Saved entries
——————————
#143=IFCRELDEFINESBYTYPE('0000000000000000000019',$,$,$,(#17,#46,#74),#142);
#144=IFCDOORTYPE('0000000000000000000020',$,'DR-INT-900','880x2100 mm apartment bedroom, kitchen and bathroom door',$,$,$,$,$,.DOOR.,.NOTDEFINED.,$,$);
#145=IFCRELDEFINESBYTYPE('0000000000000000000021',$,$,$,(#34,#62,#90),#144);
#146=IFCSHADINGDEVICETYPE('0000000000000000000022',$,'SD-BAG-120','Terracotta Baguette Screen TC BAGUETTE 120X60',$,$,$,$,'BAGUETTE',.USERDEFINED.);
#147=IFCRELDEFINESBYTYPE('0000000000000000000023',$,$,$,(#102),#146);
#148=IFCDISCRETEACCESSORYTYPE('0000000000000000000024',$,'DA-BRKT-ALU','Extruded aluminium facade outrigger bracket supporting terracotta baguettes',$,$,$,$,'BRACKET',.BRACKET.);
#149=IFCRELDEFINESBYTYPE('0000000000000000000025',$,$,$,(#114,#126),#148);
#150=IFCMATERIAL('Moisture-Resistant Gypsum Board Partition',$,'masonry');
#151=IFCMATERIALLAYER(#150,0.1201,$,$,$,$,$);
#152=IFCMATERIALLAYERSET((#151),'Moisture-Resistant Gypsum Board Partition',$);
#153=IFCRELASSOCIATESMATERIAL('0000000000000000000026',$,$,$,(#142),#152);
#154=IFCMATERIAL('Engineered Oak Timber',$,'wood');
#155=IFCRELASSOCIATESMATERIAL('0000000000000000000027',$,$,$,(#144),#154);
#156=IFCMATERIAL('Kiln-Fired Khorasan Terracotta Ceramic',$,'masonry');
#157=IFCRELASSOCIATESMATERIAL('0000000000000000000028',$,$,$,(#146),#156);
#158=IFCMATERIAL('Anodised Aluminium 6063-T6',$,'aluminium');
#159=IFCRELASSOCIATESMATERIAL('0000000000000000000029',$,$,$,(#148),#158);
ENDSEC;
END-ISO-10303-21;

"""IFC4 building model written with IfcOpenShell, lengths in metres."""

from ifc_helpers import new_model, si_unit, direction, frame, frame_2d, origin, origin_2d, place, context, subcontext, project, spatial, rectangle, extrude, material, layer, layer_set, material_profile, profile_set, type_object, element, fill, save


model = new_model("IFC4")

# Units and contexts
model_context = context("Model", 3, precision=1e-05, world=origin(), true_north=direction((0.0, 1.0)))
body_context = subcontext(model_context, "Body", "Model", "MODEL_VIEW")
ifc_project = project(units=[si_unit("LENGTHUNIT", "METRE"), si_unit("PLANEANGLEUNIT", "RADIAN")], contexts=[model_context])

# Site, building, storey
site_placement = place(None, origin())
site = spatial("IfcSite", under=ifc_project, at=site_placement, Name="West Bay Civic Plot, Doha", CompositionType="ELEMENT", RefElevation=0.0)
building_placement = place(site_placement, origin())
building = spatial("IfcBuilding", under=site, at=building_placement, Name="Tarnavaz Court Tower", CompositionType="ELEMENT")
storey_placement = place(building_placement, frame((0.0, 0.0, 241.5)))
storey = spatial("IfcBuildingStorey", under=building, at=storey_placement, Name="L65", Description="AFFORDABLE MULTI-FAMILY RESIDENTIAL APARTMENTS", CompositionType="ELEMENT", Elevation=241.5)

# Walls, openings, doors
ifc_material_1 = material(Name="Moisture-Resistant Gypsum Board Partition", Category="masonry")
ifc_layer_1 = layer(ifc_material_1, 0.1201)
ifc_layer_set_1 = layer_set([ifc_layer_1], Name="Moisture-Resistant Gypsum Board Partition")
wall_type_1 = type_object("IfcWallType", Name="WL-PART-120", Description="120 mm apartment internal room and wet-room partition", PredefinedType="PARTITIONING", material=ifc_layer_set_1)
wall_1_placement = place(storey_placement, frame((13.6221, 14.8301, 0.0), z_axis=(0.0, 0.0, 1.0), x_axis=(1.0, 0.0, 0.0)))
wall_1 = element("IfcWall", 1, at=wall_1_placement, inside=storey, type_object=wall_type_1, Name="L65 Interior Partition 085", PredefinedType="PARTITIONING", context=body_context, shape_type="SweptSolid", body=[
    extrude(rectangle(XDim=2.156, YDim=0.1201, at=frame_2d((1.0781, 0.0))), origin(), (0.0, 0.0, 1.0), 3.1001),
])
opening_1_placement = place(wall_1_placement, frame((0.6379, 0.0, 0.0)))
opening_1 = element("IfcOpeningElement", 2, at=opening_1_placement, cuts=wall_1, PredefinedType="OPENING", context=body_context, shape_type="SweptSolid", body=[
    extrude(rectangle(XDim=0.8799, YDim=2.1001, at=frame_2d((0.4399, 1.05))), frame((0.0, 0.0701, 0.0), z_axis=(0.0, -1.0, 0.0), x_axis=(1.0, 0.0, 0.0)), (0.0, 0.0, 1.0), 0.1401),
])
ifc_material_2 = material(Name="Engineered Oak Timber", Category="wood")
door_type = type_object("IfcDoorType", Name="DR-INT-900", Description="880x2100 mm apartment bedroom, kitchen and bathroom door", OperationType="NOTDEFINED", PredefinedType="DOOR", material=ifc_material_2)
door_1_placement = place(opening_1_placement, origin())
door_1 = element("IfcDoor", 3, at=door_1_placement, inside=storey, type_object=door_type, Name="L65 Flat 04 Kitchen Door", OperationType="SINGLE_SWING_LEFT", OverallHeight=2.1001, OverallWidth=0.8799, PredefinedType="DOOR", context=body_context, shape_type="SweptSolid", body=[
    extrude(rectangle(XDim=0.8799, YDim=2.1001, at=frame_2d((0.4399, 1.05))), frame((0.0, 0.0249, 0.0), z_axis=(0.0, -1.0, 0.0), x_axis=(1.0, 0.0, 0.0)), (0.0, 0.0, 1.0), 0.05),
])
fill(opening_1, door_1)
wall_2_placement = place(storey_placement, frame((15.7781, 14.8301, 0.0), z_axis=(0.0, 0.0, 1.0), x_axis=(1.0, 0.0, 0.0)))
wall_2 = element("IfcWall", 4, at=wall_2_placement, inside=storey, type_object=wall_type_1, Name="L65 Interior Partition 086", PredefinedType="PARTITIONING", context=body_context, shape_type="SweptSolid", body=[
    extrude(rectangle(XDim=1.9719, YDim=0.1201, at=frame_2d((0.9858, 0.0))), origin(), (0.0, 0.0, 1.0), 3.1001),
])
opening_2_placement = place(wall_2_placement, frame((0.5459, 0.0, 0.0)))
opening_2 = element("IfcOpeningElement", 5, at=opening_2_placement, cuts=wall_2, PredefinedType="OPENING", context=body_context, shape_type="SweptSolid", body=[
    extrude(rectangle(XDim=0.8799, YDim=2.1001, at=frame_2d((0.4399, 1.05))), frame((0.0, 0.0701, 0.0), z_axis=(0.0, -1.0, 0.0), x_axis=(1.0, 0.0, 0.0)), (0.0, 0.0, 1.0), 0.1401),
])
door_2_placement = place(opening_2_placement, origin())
——————————
Task brief: Please copy out the records exactly as they appear.

Your solution:
#143=IFCRELDEFINESBYTYPE('0000000000000000000019',$,$,$,(#17,#46,#74),#142);
#144=IFCDOORTYPE('0000000000000000000020',$,'DR-INT-900','880x2100 mm apartment bedroom, kitchen and bathroom door',$,$,$,$,$,.DOOR.,.NOTDEFINED.,$,$);
#145=IFCRELDEFINESBYTYPE('0000000000000000000021',$,$,$,(#34,#62,#90),#144);
#146=IFCSHADINGDEVICETYPE('0000000000000000000022',$,'SD-BAG-120','Terracotta Baguette Screen TC BAGUETTE 120X60',$,$,$,$,'BAGUETTE',.USERDEFINED.);
#147=IFCRELDEFINESBYTYPE('0000000000000000000023',$,$,$,(#102),#146);
#148=IFCDISCRETEACCESSORYTYPE('0000000000000000000024',$,'DA-BRKT-ALU','Extruded aluminium facade outrigger bracket supporting terracotta baguettes',$,$,$,$,'BRACKET',.BRACKET.);
#149=IFCRELDEFINESBYTYPE('0000000000000000000025',$,$,$,(#114,#126),#148);
#150=IFCMATERIAL('Moisture-Resistant Gypsum Board Partition',$,'masonry');
#151=IFCMATERIALLAYER(#150,0.1201,$,$,$,$,$);
#152=IFCMATERIALLAYERSET((#151),'Moisture-Resistant Gypsum Board Partition',$);
#153=IFCRELASSOCIATESMATERIAL('0000000000000000000026',$,$,$,(#142),#152);
#154=IFCMATERIAL('Engineered Oak Timber',$,'wood');
#155=IFCRELASSOCIATESMATERIAL('0000000000000000000027',$,$,$,(#144),#154);
#156=IFCMATERIAL('Kiln-Fired Khorasan Terracotta Ceramic',$,'masonry');
#157=IFCRELASSOCIATESMATERIAL('0000000000000000000028',$,$,$,(#146),#156);
#158=IFCMATERIAL('Anodised Aluminium 6063-T6',$,'aluminium');
#159=IFCRELASSOCIATESMATERIAL('0000000000000000000029',$,$,$,(#148),#158);
ENDSEC;
END-ISO-10303-21;

"""IFC4 building model written with IfcOpenShell, lengths in metres."""

from ifc_helpers import new_model, si_unit, direction, frame, frame_2d, origin, origin_2d, place, context, subcontext, project, spatial, rectangle, extrude, material, layer, layer_set, material_profile, profile_set, type_object, element, fill, save


model = new_model("IFC4")

# Units and contexts
model_context = context("Model", 3, precision=1e-05, world=origin(), true_north=direction((0.0, 1.0)))
body_context = subcontext(model_context, "Body", "Model", "MODEL_VIEW")
ifc_project = project(units=[si_unit("LENGTHUNIT", "METRE"), si_unit("PLANEANGLEUNIT", "RADIAN")], contexts=[model_context])

# Site, building, storey
site_placement = place(None, origin())
site = spatial("IfcSite", under=ifc_project, at=site_placement, Name="West Bay Civic Plot, Doha", CompositionType="ELEMENT", RefElevation=0.0)
building_placement = place(site_placement, origin())
building = spatial("IfcBuilding", under=site, at=building_placement, Name="Tarnavaz Court Tower", CompositionType="ELEMENT")
storey_placement = place(building_placement, frame((0.0, 0.0, 241.5)))
storey = spatial("IfcBuildingStorey", under=building, at=storey_placement, Name="L65", Description="AFFORDABLE MULTI-FAMILY RESIDENTIAL APARTMENTS", CompositionType="ELEMENT", Elevation=241.5)

# Walls, openings, doors
ifc_material_1 = material(Name="Moisture-Resistant Gypsum Board Partition", Category="masonry")
ifc_layer_1 = layer(ifc_material_1, 0.1201)
ifc_layer_set_1 = layer_set([ifc_layer_1], Name="Moisture-Resistant Gypsum Board Partition")
wall_type_1 = type_object("IfcWallType", Name="WL-PART-120", Description="120 mm apartment internal room and wet-room partition", PredefinedType="PARTITIONING", material=ifc_layer_set_1)
wall_1_placement = place(storey_placement, frame((13.6221, 14.8301, 0.0), z_axis=(0.0, 0.0, 1.0), x_axis=(1.0, 0.0, 0.0)))
wall_1 = element("IfcWall", 1, at=wall_1_placement, inside=storey, type_object=wall_type_1, Name="L65 Interior Partition 085", PredefinedType="PARTITIONING", context=body_context, shape_type="SweptSolid", body=[
    extrude(rectangle(XDim=2.156, YDim=0.1201, at=frame_2d((1.0781, 0.0))), origin(), (0.0, 0.0, 1.0), 3.1001),
])
opening_1_placement = place(wall_1_placement, frame((0.6379, 0.0, 0.0)))
opening_1 = element("IfcOpeningElement", 2, at=opening_1_placement, cuts=wall_1, PredefinedType="OPENING", context=body_context, shape_type="SweptSolid", body=[
    extrude(rectangle(XDim=0.8799, YDim=2.1001, at=frame_2d((0.4399, 1.05))), frame((0.0, 0.0701, 0.0), z_axis=(0.0, -1.0, 0.0), x_axis=(1.0, 0.0, 0.0)), (0.0, 0.0, 1.0), 0.1401),
])
ifc_material_2 = material(Name="Engineered Oak Timber", Category="wood")
door_type = type_object("IfcDoorType", Name="DR-INT-900", Description="880x2100 mm apartment bedroom, kitchen and bathroom door", OperationType="NOTDEFINED", PredefinedType="DOOR", material=ifc_material_2)
door_1_placement = place(opening_1_placement, origin())
door_1 = element("IfcDoor", 3, at=door_1_placement, inside=storey, type_object=door_type, Name="L65 Flat 04 Kitchen Door", OperationType="SINGLE_SWING_LEFT", OverallHeight=2.1001, OverallWidth=0.8799, PredefinedType="DOOR", context=body_context, shape_type="SweptSolid", body=[
    extrude(rectangle(XDim=0.8799, YDim=2.1001, at=frame_2d((0.4399, 1.05))), frame((0.0, 0.0249, 0.0), z_axis=(0.0, -1.0, 0.0), x_axis=(1.0, 0.0, 0.0)), (0.0, 0.0, 1.0), 0.05),
])
fill(opening_1, door_1)
wall_2_placement = place(storey_placement, frame((15.7781, 14.8301, 0.0), z_axis=(0.0, 0.0, 1.0), x_axis=(1.0, 0.0, 0.0)))
wall_2 = element("IfcWall", 4, at=wall_2_placement, inside=storey, type_object=wall_type_1, Name="L65 Interior Partition 086", PredefinedType="PARTITIONING", context=body_context, shape_type="SweptSolid", body=[
    extrude(rectangle(XDim=1.9719, YDim=0.1201, at=frame_2d((0.9858, 0.0))), origin(), (0.0, 0.0, 1.0), 3.1001),
])
opening_2_placement = place(wall_2_placement, frame((0.5459, 0.0, 0.0)))
opening_2 = element("IfcOpeningElement", 5, at=opening_2_placement, cuts=wall_2, PredefinedType="OPENING", context=body_context, shape_type="SweptSolid", body=[
    extrude(rectangle(XDim=0.8799, YDim=2.1001, at=frame_2d((0.4399, 1.05))), frame((0.0, 0.0701, 0.0), z_axis=(0.0, -1.0, 0.0), x_axis=(1.0, 0.0, 0.0)), (0.0, 0.0, 1.0), 0.1401),
])
door_2_placement = place(opening_2_placement, origin())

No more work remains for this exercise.